►

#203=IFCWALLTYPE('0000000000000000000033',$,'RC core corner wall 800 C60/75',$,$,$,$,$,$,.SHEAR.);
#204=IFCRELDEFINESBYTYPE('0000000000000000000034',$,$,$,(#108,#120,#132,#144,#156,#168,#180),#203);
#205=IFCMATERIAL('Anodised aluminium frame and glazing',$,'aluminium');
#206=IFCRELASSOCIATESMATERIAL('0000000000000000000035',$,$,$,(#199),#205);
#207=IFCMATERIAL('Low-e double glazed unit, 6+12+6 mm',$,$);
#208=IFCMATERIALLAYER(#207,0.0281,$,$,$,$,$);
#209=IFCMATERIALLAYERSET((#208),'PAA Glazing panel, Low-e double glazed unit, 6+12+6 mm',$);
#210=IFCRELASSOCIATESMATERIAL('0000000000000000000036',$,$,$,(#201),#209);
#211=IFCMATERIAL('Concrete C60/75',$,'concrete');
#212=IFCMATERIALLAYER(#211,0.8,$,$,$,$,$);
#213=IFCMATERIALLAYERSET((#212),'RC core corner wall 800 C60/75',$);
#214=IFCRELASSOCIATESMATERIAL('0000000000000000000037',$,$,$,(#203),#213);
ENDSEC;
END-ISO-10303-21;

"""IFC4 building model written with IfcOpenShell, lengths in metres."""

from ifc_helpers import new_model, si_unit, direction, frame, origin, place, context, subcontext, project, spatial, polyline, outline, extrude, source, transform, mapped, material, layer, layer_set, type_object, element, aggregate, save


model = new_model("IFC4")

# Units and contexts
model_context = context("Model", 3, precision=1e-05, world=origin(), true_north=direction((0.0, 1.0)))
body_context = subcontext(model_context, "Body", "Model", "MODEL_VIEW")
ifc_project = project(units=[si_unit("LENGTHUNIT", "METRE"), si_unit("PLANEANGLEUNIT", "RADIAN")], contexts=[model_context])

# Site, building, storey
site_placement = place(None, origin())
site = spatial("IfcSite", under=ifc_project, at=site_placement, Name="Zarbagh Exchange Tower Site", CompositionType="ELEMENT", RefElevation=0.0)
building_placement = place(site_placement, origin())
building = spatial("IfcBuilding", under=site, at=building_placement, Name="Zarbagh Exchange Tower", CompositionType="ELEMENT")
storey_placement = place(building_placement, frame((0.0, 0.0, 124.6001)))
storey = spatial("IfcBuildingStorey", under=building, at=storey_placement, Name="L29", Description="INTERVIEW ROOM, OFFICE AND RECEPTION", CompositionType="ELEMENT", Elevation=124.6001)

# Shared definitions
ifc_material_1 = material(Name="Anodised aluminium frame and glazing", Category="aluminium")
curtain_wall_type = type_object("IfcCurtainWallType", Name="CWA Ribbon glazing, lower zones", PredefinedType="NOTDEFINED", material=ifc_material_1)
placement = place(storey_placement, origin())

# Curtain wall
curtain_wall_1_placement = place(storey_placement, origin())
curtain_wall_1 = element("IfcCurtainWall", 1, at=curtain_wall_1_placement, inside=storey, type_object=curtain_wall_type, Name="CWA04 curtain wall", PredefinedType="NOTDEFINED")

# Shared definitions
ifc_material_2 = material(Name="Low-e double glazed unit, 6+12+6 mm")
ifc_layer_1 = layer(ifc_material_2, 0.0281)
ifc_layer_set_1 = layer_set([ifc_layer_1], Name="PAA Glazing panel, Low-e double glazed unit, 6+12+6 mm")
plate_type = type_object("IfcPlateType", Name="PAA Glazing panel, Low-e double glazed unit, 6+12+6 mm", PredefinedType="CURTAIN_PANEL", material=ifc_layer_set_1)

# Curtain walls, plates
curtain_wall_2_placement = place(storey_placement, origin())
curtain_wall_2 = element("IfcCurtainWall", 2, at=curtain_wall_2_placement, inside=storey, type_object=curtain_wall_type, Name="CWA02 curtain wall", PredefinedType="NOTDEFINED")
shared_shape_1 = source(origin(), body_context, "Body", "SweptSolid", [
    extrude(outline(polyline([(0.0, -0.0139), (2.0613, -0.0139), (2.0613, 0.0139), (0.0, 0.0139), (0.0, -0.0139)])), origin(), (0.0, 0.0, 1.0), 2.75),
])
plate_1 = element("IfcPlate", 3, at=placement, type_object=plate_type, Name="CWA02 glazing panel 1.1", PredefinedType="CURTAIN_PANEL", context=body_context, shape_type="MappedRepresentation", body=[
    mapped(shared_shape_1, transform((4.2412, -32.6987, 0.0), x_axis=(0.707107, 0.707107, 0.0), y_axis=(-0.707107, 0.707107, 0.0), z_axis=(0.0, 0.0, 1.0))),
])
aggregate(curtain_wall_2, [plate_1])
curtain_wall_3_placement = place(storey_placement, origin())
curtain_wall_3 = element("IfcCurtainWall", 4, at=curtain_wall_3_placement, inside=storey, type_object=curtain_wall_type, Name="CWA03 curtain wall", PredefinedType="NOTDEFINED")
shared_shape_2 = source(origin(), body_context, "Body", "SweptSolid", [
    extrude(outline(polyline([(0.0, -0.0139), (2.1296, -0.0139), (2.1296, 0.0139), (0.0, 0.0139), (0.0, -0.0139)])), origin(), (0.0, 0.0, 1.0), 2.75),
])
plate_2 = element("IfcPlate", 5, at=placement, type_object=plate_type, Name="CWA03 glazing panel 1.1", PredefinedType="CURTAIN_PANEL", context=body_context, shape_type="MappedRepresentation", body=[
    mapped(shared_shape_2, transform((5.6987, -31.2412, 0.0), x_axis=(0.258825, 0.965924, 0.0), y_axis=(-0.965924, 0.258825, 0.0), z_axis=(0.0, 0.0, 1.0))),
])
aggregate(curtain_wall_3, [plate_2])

◄

§ WHAT TO WORK ON
When a line in the data holds the word "frame", show that line.

§ RESPONSE
#205=IFCMATERIAL('Anodised aluminium frame and glazing',$,'aluminium');
from ifc_helpers import new_model, si_unit, direction, frame, origin, place, context, subcontext, project, spatial, polyline, outline, extrude, source, transform, mapped, material, layer, layer_set, type_object, element, aggregate, save
storey_placement = place(building_placement, frame((0.0, 0.0, 124.6001)))
ifc_material_1 = material(Name="Anodised aluminium frame and glazing", Category="aluminium")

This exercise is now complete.